Match the word "Body". Return each line of the data below where it appears.
= = =
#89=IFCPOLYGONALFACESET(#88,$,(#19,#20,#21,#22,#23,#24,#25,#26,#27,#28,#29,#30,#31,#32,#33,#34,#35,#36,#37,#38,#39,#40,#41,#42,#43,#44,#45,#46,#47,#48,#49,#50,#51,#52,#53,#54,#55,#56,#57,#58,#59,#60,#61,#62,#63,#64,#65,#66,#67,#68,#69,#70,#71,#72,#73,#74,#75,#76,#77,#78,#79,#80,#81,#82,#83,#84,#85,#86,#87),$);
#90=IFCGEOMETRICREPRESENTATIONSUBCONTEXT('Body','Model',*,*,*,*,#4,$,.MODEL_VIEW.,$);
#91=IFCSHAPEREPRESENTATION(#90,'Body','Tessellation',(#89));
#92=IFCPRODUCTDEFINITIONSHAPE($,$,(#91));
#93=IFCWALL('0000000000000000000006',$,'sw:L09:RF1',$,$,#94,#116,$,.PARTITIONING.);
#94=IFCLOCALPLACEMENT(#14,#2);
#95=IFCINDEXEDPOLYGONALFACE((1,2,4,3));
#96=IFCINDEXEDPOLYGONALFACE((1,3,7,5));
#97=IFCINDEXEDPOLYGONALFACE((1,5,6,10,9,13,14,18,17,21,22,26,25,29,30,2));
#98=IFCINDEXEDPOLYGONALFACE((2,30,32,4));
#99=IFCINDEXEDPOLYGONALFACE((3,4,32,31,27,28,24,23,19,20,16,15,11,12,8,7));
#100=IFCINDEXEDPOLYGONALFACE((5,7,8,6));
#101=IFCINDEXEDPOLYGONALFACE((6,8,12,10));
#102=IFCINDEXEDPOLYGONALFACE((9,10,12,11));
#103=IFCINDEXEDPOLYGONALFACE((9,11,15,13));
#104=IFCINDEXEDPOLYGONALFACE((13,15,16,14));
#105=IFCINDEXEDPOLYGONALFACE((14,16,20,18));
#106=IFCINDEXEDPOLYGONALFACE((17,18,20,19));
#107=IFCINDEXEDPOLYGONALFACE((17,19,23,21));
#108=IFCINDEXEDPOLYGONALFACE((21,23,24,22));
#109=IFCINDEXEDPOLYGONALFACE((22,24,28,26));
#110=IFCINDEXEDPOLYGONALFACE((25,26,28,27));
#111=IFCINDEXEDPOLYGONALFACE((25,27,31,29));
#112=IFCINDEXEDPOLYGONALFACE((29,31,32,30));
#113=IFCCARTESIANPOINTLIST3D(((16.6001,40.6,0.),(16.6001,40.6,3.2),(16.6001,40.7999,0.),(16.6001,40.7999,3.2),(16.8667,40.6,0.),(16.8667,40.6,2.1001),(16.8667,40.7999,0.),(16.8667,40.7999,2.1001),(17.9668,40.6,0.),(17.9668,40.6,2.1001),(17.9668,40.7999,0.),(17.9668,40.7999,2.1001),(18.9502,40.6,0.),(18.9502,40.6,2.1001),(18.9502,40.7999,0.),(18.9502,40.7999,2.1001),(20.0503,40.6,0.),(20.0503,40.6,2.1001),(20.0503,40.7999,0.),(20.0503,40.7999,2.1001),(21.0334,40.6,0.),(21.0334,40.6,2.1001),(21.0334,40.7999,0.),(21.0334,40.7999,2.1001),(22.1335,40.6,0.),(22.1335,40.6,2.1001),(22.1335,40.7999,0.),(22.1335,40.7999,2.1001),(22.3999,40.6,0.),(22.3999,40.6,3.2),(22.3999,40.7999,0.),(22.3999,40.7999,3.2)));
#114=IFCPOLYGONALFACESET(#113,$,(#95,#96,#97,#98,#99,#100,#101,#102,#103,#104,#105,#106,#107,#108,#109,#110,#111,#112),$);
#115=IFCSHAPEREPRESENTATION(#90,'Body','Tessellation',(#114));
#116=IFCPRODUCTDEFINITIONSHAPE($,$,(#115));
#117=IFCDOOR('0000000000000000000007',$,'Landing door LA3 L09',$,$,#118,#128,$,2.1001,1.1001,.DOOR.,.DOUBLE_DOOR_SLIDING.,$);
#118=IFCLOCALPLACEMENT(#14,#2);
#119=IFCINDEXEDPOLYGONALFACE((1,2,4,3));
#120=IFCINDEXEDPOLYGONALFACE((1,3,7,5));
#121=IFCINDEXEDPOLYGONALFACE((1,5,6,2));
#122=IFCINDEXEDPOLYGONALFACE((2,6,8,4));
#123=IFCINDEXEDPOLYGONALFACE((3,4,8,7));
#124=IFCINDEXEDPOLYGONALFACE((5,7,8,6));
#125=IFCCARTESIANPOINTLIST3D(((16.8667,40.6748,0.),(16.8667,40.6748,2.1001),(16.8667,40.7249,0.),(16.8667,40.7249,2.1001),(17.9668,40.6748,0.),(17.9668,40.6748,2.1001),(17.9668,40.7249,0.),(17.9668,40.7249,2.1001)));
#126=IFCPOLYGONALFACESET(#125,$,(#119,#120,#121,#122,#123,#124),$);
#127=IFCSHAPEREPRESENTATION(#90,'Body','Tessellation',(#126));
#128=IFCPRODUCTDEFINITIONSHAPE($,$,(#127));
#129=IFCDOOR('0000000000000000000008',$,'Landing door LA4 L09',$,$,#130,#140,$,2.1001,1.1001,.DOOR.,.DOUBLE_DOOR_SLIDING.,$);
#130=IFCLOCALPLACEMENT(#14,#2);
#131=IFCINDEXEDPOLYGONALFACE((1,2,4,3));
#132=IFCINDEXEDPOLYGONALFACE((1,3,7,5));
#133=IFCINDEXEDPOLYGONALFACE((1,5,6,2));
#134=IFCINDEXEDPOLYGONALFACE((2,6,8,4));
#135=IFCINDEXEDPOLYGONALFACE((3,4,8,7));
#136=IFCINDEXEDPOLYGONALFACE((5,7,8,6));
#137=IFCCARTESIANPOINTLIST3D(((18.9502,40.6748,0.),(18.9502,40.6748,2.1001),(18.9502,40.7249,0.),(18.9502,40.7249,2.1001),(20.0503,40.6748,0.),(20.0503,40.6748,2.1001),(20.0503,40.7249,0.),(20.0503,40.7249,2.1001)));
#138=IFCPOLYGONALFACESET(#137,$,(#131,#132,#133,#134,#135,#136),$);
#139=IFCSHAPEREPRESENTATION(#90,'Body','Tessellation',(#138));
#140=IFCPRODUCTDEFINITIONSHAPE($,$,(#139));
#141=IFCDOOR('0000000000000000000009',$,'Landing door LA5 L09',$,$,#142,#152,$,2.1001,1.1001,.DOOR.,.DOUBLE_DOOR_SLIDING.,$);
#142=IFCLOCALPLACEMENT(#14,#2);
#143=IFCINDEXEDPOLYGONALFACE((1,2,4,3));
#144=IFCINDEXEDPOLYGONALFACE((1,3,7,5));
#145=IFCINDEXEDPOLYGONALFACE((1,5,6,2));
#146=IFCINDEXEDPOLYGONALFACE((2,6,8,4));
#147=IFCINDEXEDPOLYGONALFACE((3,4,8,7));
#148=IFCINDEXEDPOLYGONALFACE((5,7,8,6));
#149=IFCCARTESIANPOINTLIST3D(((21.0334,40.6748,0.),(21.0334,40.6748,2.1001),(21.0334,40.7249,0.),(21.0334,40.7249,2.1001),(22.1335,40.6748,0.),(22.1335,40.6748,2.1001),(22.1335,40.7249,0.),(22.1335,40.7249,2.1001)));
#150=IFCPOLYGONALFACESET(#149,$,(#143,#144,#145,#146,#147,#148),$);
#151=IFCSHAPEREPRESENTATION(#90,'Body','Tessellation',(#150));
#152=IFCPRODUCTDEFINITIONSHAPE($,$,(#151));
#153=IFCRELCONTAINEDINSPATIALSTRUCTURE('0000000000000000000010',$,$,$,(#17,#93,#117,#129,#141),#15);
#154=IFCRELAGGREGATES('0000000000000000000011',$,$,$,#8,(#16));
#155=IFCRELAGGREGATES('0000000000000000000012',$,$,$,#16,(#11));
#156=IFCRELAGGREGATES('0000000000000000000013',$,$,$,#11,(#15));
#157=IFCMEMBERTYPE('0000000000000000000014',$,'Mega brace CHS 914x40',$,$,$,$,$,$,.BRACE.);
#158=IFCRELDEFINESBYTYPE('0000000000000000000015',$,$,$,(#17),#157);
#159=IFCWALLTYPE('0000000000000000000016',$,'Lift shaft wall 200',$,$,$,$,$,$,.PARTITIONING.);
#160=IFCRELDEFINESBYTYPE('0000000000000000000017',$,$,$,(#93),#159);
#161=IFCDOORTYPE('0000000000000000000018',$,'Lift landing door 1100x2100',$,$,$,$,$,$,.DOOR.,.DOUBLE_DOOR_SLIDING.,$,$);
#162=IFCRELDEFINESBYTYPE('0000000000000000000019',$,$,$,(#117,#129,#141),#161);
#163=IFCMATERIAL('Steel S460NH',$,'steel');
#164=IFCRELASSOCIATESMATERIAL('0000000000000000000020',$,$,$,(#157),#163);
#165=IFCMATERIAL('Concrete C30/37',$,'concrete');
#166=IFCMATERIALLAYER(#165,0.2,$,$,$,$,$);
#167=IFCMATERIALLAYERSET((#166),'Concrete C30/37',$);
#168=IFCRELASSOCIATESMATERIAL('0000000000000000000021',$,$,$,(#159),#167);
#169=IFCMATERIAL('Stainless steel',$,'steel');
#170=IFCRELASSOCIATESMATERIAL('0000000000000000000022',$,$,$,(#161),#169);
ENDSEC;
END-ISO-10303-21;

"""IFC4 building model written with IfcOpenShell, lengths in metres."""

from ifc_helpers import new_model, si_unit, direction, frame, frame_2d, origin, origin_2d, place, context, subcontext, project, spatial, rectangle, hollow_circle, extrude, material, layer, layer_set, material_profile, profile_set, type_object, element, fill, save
= = =
FINAL ANSWER:
#90=IFCGEOMETRICREPRESENTATIONSUBCONTEXT('Body','Model',*,*,*,*,#4,$,.MODEL_VIEW.,$);
#91=IFCSHAPEREPRESENTATION(#90,'Body','Tessellation',(#89));
#115=IFCSHAPEREPRESENTATION(#90,'Body','Tessellation',(#114));
#127=IFCSHAPEREPRESENTATION(#90,'Body','Tessellation',(#126));
#139=IFCSHAPEREPRESENTATION(#90,'Body','Tessellation',(#138));
#151=IFCSHAPEREPRESENTATION(#90,'Body','Tessellation',(#150));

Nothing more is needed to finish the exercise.